HOW TO COMPLETE THIS TASK:
Among the records that follow, find the line with "#83=IFCPOLYGONALFACESET(#82,$,(#76,#77,#78,#79,#80,#81),$);" and the line with "#96=IFCSHAPEREPRESENTATION(#31,'Body','Tessellation',(#95));". Set down those lines and all lines between them exactly, without adding anything.

DATA SHOWN:
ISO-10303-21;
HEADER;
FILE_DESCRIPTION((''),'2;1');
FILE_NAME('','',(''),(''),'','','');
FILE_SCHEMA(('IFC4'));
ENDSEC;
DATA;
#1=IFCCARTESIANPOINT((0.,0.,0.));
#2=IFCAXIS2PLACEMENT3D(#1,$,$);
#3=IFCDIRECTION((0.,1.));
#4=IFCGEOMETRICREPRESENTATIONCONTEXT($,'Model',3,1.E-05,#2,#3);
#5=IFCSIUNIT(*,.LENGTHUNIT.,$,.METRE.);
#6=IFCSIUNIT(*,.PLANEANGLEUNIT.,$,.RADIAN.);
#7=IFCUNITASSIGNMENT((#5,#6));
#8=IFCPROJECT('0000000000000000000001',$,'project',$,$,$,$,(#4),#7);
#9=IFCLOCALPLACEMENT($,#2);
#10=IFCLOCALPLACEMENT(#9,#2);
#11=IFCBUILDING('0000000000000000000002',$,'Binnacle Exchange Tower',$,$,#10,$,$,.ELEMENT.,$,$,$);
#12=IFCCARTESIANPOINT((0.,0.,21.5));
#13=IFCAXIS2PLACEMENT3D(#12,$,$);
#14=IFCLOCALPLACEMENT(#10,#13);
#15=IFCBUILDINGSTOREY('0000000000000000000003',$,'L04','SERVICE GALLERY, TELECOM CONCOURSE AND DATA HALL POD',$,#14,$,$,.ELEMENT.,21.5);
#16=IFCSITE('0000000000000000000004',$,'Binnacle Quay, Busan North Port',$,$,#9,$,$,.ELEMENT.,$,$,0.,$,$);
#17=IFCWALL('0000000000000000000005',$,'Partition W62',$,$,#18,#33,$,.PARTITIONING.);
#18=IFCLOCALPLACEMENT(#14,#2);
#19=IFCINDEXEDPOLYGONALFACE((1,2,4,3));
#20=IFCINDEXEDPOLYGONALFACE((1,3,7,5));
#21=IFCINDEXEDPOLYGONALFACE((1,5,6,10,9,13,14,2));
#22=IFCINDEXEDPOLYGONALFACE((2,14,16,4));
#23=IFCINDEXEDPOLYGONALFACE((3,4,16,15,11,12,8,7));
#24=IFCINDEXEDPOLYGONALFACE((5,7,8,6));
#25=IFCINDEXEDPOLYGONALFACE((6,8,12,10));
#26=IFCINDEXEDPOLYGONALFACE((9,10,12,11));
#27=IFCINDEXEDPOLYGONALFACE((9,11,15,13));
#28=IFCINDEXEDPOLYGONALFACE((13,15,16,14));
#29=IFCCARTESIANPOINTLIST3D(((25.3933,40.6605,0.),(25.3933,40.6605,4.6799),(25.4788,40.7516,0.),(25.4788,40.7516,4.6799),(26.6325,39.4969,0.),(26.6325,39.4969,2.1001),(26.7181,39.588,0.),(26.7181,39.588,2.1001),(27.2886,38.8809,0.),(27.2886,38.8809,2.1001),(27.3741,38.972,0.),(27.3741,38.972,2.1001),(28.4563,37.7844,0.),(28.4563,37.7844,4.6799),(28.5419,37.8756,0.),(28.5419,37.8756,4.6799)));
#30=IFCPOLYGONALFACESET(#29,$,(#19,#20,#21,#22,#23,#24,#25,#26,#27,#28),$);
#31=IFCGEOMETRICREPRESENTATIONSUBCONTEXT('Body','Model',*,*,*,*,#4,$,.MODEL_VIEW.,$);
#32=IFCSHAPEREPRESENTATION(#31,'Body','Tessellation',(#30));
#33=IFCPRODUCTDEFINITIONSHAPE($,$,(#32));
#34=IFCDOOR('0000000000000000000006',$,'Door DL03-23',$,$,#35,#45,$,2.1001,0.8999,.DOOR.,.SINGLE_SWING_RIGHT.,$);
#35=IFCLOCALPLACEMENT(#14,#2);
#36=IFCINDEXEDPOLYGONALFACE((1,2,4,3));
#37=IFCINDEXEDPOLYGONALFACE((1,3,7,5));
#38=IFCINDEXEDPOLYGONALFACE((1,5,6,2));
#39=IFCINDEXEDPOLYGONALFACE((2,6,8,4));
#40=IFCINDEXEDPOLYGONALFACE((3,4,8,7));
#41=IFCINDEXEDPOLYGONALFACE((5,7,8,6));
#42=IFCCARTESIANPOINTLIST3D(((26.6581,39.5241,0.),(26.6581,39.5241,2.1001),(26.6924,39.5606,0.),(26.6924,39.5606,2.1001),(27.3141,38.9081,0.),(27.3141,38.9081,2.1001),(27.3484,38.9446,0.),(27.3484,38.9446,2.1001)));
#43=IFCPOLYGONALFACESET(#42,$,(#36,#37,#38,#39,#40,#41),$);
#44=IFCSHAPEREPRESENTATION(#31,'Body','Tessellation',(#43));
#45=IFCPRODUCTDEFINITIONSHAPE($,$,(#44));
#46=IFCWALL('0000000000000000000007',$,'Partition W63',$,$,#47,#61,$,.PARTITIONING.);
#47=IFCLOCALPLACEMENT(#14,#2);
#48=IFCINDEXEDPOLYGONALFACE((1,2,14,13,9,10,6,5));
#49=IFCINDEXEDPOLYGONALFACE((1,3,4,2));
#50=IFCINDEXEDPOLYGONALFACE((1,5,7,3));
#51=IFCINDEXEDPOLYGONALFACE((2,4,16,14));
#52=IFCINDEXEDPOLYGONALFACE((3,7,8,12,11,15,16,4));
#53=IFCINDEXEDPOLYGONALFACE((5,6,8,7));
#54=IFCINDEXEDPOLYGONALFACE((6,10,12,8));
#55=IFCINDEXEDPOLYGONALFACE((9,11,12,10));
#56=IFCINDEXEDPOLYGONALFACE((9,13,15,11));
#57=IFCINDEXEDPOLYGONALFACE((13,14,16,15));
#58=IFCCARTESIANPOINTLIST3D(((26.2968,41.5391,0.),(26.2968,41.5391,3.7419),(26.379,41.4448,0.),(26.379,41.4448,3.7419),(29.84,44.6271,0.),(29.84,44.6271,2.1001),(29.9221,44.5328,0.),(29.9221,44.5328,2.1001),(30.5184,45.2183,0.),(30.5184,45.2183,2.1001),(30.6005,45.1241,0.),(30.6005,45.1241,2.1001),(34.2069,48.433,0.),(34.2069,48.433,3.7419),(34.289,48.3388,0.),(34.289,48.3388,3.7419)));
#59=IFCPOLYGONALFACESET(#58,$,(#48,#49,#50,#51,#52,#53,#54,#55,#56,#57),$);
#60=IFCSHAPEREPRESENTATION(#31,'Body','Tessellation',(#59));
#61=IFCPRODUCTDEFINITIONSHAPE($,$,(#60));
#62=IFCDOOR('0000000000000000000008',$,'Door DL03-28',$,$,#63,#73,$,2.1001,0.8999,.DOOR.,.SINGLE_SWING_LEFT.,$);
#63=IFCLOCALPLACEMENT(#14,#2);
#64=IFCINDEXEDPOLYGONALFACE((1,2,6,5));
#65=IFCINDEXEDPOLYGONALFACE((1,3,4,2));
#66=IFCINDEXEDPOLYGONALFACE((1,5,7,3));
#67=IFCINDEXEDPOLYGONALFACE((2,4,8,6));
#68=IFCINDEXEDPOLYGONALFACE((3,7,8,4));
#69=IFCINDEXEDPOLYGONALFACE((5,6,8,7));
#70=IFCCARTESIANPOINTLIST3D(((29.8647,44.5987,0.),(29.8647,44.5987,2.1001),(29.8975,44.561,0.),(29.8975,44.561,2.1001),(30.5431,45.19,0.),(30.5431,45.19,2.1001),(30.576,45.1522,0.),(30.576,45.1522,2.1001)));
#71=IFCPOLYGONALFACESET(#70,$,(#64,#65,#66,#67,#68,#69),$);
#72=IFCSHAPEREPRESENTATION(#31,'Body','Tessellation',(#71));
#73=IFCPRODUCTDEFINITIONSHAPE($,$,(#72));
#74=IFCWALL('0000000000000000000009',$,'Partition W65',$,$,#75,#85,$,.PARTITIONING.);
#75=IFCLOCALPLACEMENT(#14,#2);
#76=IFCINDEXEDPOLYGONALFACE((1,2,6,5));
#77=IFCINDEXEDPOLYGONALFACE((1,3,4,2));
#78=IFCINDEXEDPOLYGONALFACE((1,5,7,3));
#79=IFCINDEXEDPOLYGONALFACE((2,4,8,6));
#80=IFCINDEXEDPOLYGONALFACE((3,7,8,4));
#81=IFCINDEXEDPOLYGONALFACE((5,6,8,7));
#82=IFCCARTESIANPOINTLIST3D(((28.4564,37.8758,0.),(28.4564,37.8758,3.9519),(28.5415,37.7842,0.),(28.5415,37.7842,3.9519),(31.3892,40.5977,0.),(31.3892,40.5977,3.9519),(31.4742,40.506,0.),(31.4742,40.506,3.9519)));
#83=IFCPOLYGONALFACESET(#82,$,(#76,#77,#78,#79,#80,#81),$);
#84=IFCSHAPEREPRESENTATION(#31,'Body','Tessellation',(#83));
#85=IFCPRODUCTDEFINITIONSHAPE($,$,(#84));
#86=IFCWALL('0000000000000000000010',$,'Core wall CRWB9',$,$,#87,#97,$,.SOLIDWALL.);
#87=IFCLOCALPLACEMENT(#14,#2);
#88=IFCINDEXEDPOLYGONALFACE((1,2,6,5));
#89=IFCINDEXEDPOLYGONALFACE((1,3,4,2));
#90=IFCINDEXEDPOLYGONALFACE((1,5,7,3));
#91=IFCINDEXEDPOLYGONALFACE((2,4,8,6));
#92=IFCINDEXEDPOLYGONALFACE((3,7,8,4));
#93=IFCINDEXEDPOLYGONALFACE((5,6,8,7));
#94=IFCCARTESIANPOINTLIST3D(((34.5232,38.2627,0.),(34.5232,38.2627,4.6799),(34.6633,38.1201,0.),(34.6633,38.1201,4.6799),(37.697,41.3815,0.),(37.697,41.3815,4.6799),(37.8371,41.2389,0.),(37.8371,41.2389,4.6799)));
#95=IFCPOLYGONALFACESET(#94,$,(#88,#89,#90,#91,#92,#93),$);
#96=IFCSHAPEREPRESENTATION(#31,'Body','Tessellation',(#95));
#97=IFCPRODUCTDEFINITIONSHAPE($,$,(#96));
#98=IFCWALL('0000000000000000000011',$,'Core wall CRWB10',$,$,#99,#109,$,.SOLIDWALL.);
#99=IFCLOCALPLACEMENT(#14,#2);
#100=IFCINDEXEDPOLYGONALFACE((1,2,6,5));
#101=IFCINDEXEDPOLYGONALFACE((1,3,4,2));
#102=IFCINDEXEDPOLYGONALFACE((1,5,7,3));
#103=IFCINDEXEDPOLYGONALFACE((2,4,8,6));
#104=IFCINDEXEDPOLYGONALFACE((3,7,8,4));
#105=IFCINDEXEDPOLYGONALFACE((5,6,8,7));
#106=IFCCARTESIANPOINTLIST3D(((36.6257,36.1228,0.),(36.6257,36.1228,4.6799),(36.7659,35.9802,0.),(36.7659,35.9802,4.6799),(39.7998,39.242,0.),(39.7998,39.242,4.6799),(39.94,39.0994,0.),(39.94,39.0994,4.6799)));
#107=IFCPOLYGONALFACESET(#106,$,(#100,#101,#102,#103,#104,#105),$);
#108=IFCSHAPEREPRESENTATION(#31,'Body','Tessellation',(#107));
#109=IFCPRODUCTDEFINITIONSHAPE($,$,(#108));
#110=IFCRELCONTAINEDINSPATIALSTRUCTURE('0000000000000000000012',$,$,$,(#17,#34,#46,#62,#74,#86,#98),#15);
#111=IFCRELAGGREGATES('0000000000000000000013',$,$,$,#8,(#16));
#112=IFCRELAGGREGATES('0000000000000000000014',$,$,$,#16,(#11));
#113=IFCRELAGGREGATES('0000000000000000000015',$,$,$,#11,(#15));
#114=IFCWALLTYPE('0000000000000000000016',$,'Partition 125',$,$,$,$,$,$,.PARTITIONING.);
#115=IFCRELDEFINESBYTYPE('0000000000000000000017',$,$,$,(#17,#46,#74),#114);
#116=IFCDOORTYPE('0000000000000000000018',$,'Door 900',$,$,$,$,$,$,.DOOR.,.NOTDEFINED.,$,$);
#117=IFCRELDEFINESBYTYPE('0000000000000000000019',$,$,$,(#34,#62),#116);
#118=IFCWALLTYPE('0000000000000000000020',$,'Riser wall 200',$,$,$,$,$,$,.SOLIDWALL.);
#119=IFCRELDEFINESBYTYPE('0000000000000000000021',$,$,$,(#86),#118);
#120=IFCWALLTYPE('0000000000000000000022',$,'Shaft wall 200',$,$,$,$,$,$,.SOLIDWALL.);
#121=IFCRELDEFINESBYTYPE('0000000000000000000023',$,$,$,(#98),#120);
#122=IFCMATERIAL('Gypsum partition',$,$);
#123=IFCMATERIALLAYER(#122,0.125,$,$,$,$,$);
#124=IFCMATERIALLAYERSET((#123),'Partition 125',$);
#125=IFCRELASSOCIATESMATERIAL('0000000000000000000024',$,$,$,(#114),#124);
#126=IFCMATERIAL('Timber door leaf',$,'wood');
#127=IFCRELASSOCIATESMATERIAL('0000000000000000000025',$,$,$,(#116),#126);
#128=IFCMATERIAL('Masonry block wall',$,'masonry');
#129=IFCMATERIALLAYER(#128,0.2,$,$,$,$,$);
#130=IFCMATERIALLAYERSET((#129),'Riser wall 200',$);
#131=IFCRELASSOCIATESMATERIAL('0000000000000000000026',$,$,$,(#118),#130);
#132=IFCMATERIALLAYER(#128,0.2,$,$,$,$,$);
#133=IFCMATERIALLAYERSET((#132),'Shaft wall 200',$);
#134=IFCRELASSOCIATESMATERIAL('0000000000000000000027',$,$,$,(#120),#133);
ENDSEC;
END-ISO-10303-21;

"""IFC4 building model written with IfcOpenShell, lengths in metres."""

from ifc_helpers import new_model, si_unit, direction, frame, frame_2d, origin, place, context, subcontext, project, spatial, rectangle, extrude, material, layer, layer_set, type_object, element, fill, save


model = new_model("IFC4")

# Units and contexts
model_context = context("Model", 3, precision=1e-05, world=origin(), true_north=direction((0.0, 1.0)))
body_context = subcontext(model_context, "Body", "Model", "MODEL_VIEW")
ifc_project = project(units=[si_unit("LENGTHUNIT", "METRE"), si_unit("PLANEANGLEUNIT", "RADIAN")], contexts=[model_context])

# Site, building, storey
site_placement = place(None, origin())
site = spatial("IfcSite", under=ifc_project, at=site_placement, Name="Binnacle Quay, Busan North Port", CompositionType="ELEMENT", RefElevation=0.0)
building_placement = place(site_placement, origin())
building = spatial("IfcBuilding", under=site, at=building_placement, Name="Binnacle Exchange Tower", CompositionType="ELEMENT")
storey_placement = place(building_placement, frame((0.0, 0.0, 21.5)))
storey = spatial("IfcBuildingStorey", under=building, at=storey_placement, Name="L04", Description="SERVICE GALLERY, TELECOM CONCOURSE AND DATA HALL POD", CompositionType="ELEMENT", Elevation=21.5)

# Walls, openings, doors
ifc_material_1 = material(Name="Masonry block wall", Category="masonry")
ifc_material_2 = material(Name="Gypsum partition")
ifc_layer_1 = layer(ifc_material_2, 0.125)
ifc_layer_set_1 = layer_set([ifc_layer_1], Name="Partition 125")
wall_type_1 = type_object("IfcWallType", Name="Partition 125", PredefinedType="PARTITIONING", material=ifc_layer_set_1)
wall_1_placement = place(storey_placement, frame((25.436, 40.7061, 0.0), z_axis=(0.0, 0.0, 1.0), x_axis=(0.729011, -0.684501, 0.0)))
wall_1 = element("IfcWall", 1, at=wall_1_placement, inside=storey, type_object=wall_type_1, Name="Partition W62", PredefinedType="PARTITIONING", context=body_context, shape_type="SweptSolid", body=[
    extrude(rectangle(XDim=4.2017, YDim=0.125, at=frame_2d((2.1008, 0.0))), origin(), (0.0, 0.0, 1.0), 4.6799),
])
opening_1_placement = place(wall_1_placement, frame((1.7, 0.0, 0.0)))
opening_1 = element("IfcOpeningElement", 2, at=opening_1_placement, cuts=wall_1, PredefinedType="OPENING", context=body_context, shape_type="SweptSolid", body=[
    extrude(rectangle(XDim=0.8999, YDim=2.1001, at=frame_2d((0.45, 1.05))), frame((0.0, 0.0725, 0.0), z_axis=(0.0, -1.0, 0.0), x_axis=(1.0, 0.0, 0.0)), (0.0, 0.0, 1.0), 0.145),
])
ifc_material_3 = material(Name="Timber door leaf", Category="wood")
door_type_1 = type_object("IfcDoorType", Name="Door 900", OperationType="NOTDEFINED", PredefinedType="DOOR", material=ifc_material_3)
door_1_placement = place(opening_1_placement, origin())
door_1 = element("IfcDoor", 3, at=door_1_placement, inside=storey, type_object=door_type_1, Name="Door DL03-23", OperationType="SINGLE_SWING_RIGHT", OverallHeight=2.1001, OverallWidth=0.8999, PredefinedType="DOOR", context=body_context, shape_type="SweptSolid", body=[
    extrude(rectangle(XDim=0.8999, YDim=2.1001, at=frame_2d((0.45, 1.05))), frame((0.0, 0.0249, 0.0), z_axis=(0.0, -1.0, 0.0), x_axis=(1.0, 0.0, 0.0)), (0.0, 0.0, 1.0), 0.05),
])
fill(opening_1, door_1)
wall_2_placement = place(storey_placement, frame((26.3379, 41.4919, 0.0), z_axis=(0.0, 0.0, 1.0), x_axis=(0.753867, 0.657027, 0.0)))
wall_2 = element("IfcWall", 4, at=wall_2_placement, inside=storey, type_object=wall_type_1, Name="Partition W63", PredefinedType="PARTITIONING", context=body_context, shape_type="SweptSolid", body=[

REPLY:
#83=IFCPOLYGONALFACESET(#82,$,(#76,#77,#78,#79,#80,#81),$);
#84=IFCSHAPEREPRESENTATION(#31,'Body','Tessellation',(#83));
#85=IFCPRODUCTDEFINITIONSHAPE($,$,(#84));
#86=IFCWALL('0000000000000000000010',$,'Core wall CRWB9',$,$,#87,#97,$,.SOLIDWALL.);
#87=IFCLOCALPLACEMENT(#14,#2);
#88=IFCINDEXEDPOLYGONALFACE((1,2,6,5));
#89=IFCINDEXEDPOLYGONALFACE((1,3,4,2));
#90=IFCINDEXEDPOLYGONALFACE((1,5,7,3));
#91=IFCINDEXEDPOLYGONALFACE((2,4,8,6));
#92=IFCINDEXEDPOLYGONALFACE((3,7,8,4));
#93=IFCINDEXEDPOLYGONALFACE((5,6,8,7));
#94=IFCCARTESIANPOINTLIST3D(((34.5232,38.2627,0.),(34.5232,38.2627,4.6799),(34.6633,38.1201,0.),(34.6633,38.1201,4.6799),(37.697,41.3815,0.),(37.697,41.3815,4.6799),(37.8371,41.2389,0.),(37.8371,41.2389,4.6799)));
#95=IFCPOLYGONALFACESET(#94,$,(#88,#89,#90,#91,#92,#93),$);
#96=IFCSHAPEREPRESENTATION(#31,'Body','Tessellation',(#95));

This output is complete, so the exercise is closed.